• _Material to process_
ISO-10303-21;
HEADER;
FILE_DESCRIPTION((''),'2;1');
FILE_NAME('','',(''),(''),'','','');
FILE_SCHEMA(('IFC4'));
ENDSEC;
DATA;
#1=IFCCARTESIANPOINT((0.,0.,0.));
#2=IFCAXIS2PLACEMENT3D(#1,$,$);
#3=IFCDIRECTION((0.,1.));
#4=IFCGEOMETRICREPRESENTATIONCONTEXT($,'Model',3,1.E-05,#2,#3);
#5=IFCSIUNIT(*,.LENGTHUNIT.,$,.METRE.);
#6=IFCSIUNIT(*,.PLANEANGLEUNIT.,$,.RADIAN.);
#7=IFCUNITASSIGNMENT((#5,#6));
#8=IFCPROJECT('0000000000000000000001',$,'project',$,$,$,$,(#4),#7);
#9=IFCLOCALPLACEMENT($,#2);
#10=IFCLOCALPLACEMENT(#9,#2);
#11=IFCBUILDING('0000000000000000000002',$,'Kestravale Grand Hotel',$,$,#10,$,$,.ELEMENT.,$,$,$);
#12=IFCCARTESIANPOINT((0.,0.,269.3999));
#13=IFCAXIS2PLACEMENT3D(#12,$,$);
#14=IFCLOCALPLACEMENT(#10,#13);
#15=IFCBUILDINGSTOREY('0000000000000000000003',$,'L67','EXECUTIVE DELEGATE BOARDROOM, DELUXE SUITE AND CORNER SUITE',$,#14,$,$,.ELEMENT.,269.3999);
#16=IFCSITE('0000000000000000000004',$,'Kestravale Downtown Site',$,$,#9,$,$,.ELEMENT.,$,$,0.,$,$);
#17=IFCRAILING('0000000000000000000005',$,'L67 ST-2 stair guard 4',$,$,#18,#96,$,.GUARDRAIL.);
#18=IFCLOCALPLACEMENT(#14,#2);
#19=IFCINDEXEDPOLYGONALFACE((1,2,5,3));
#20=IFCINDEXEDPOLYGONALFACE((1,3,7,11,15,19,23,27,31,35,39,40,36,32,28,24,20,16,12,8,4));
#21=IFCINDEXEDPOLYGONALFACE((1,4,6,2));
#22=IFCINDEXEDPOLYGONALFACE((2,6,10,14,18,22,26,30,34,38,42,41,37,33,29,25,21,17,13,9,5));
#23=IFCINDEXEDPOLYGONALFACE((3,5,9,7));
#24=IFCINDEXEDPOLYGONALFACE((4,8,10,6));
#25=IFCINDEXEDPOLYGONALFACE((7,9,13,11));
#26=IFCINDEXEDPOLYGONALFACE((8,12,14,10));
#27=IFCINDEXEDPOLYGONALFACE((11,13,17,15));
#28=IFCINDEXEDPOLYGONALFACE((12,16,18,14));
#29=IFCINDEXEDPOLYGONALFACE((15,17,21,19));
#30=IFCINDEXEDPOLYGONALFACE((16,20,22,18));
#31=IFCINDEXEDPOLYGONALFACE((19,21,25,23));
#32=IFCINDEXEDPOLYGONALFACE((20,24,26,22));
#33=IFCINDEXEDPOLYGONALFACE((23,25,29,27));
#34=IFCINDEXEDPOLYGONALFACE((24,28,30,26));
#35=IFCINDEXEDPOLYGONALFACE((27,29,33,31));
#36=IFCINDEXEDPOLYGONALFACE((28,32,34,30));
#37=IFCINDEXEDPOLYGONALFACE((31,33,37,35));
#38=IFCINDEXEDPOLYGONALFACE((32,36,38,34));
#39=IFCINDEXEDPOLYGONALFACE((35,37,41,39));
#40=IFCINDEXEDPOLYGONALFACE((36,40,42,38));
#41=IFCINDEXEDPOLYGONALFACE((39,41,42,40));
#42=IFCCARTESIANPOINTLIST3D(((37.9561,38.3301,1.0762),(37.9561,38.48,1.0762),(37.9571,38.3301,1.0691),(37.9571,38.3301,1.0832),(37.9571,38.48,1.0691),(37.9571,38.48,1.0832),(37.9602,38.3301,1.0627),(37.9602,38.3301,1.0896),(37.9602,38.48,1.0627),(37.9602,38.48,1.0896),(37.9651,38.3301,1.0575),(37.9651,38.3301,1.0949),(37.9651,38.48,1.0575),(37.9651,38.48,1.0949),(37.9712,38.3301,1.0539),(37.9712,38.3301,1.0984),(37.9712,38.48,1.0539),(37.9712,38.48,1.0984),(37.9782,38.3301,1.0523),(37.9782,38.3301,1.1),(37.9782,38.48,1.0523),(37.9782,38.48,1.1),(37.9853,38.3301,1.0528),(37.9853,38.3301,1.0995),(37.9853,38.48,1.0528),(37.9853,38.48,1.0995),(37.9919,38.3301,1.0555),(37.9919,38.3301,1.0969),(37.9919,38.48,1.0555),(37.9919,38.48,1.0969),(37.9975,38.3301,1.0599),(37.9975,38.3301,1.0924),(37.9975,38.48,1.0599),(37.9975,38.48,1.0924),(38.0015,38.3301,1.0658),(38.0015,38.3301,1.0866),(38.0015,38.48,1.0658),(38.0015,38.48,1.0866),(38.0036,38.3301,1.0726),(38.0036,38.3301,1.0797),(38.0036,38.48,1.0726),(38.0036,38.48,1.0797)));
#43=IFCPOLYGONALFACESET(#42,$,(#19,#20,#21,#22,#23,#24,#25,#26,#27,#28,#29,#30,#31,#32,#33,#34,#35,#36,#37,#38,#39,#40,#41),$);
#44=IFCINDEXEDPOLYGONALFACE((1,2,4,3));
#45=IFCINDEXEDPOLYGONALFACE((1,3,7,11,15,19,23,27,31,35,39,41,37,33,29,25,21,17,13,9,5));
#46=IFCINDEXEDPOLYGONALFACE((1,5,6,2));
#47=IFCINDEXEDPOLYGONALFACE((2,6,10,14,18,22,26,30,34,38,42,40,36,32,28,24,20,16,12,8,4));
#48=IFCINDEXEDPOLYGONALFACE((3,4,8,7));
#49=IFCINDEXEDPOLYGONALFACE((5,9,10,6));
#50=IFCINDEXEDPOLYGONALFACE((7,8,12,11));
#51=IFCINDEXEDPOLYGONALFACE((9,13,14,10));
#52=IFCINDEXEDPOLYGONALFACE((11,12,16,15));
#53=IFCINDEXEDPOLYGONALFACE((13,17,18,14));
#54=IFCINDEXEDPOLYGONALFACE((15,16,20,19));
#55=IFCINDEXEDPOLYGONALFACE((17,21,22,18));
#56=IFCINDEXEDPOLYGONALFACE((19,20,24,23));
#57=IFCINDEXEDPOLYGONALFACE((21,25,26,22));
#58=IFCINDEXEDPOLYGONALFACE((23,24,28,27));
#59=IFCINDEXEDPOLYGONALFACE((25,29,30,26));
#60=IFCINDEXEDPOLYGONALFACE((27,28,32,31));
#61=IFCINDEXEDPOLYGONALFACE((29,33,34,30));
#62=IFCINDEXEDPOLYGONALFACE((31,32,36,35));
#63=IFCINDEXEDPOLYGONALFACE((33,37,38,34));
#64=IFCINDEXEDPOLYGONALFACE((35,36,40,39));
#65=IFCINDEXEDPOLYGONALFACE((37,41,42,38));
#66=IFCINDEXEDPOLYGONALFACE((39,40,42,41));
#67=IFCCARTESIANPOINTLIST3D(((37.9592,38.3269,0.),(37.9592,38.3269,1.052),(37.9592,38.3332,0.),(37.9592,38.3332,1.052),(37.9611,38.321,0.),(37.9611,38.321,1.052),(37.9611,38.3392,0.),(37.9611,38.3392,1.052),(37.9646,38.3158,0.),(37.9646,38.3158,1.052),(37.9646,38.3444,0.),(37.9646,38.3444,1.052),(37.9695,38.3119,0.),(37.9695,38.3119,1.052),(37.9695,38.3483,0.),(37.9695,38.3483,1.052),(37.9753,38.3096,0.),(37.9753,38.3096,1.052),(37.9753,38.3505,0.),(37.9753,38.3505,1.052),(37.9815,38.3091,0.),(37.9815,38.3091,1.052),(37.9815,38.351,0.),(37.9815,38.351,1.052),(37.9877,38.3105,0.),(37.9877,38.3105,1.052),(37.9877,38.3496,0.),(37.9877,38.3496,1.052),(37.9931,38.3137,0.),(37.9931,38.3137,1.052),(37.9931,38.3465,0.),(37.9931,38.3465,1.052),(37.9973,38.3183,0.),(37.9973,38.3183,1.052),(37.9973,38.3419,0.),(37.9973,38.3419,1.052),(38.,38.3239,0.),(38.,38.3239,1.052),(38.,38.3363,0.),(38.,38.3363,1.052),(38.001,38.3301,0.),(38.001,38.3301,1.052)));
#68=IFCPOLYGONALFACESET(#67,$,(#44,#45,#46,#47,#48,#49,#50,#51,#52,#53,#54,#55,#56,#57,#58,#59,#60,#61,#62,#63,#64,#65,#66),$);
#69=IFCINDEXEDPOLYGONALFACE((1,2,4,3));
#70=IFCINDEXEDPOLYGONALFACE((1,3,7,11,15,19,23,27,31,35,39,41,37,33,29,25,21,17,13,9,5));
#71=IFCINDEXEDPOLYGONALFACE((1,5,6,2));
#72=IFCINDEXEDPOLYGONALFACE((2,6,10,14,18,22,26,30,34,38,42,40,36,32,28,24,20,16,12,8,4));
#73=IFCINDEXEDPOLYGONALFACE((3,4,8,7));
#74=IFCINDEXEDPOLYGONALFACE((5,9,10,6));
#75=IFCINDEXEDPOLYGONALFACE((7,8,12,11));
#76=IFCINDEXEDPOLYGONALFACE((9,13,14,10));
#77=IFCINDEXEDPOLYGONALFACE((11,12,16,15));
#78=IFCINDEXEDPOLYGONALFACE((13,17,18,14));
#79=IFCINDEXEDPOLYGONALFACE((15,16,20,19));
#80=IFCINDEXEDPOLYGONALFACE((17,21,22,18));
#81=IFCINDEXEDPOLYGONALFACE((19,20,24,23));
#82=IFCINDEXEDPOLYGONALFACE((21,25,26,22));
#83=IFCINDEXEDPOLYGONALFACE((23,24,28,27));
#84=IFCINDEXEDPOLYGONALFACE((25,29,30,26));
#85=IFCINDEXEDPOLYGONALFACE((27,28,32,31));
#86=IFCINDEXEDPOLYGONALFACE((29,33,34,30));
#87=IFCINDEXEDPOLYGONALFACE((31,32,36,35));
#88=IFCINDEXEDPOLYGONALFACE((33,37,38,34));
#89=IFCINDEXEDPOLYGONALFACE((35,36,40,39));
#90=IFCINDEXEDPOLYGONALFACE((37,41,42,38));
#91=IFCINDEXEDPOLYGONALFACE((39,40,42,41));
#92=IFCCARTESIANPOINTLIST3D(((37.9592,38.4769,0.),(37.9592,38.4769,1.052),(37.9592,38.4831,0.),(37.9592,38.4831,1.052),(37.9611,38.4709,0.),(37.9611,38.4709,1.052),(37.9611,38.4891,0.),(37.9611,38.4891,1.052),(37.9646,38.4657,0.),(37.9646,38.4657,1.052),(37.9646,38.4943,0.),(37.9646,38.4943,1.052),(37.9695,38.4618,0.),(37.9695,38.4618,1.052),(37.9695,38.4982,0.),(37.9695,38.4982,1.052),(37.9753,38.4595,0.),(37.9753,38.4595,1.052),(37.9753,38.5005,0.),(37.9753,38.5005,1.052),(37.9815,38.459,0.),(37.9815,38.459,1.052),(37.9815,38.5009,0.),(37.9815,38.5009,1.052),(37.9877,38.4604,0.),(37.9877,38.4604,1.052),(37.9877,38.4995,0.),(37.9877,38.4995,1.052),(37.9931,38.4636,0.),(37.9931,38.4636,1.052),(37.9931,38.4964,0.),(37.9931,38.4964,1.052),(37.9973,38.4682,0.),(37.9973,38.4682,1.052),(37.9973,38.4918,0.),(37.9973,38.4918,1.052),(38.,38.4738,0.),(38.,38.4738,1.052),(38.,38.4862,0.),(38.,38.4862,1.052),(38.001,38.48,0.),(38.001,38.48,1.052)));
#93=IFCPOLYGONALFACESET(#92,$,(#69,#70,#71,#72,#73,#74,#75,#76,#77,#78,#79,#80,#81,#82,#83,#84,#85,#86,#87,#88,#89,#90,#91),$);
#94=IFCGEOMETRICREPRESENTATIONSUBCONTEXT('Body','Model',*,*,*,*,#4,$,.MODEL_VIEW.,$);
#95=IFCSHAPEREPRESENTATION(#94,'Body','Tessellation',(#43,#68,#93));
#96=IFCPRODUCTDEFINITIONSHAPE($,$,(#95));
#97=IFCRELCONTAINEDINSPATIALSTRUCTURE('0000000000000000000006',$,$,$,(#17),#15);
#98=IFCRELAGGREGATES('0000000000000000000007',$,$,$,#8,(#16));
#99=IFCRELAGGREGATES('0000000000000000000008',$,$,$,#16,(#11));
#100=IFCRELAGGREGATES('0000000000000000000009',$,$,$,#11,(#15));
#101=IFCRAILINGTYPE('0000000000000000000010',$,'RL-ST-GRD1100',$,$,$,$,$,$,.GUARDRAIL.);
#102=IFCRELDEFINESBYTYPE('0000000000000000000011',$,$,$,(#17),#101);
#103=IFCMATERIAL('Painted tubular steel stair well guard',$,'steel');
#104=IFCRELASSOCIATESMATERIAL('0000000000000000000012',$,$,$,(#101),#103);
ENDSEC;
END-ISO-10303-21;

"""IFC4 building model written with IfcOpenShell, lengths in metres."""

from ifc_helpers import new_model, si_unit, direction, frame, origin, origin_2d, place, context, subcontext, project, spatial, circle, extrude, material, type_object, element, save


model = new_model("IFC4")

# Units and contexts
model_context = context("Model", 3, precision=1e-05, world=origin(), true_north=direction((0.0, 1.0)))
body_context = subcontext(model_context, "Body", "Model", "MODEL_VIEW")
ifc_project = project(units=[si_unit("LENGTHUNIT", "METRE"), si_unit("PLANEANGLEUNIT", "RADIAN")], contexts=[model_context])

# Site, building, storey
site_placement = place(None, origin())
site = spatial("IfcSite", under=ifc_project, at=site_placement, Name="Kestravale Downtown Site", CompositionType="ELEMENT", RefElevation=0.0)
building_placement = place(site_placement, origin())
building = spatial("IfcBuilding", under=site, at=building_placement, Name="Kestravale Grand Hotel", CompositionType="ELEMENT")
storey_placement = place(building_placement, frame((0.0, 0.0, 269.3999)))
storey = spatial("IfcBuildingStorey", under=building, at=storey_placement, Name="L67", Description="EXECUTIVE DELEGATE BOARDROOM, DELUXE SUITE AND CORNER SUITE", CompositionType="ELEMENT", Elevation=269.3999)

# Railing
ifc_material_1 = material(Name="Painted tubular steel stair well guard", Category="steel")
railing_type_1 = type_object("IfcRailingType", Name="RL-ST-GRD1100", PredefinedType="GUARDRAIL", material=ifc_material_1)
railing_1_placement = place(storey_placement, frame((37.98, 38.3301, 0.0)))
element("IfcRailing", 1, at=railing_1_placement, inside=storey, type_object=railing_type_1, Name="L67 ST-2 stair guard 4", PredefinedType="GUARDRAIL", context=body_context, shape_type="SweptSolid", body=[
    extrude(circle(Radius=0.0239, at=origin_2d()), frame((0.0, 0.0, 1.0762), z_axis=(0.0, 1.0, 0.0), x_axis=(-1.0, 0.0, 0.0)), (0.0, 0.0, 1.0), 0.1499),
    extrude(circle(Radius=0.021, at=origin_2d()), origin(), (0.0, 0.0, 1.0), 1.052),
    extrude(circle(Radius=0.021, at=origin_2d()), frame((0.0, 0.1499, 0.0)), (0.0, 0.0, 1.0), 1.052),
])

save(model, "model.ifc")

• _What you have to do_
Exact duplication is required for the lines above, from the line that contains "FILE_NAME('','',(''),(''),'','','');" to the line that contains "#7=IFCUNITASSIGNMENT((#5,#6));", inclusive; omit all others.

• _Output of the task_
FILE_NAME('','',(''),(''),'','','');
FILE_SCHEMA(('IFC4'));
ENDSEC;
DATA;
#1=IFCCARTESIANPOINT((0.,0.,0.));
#2=IFCAXIS2PLACEMENT3D(#1,$,$);
#3=IFCDIRECTION((0.,1.));
#4=IFCGEOMETRICREPRESENTATIONCONTEXT($,'Model',3,1.E-05,#2,#3);
#5=IFCSIUNIT(*,.LENGTHUNIT.,$,.METRE.);
#6=IFCSIUNIT(*,.PLANEANGLEUNIT.,$,.RADIAN.);
#7=IFCUNITASSIGNMENT((#5,#6));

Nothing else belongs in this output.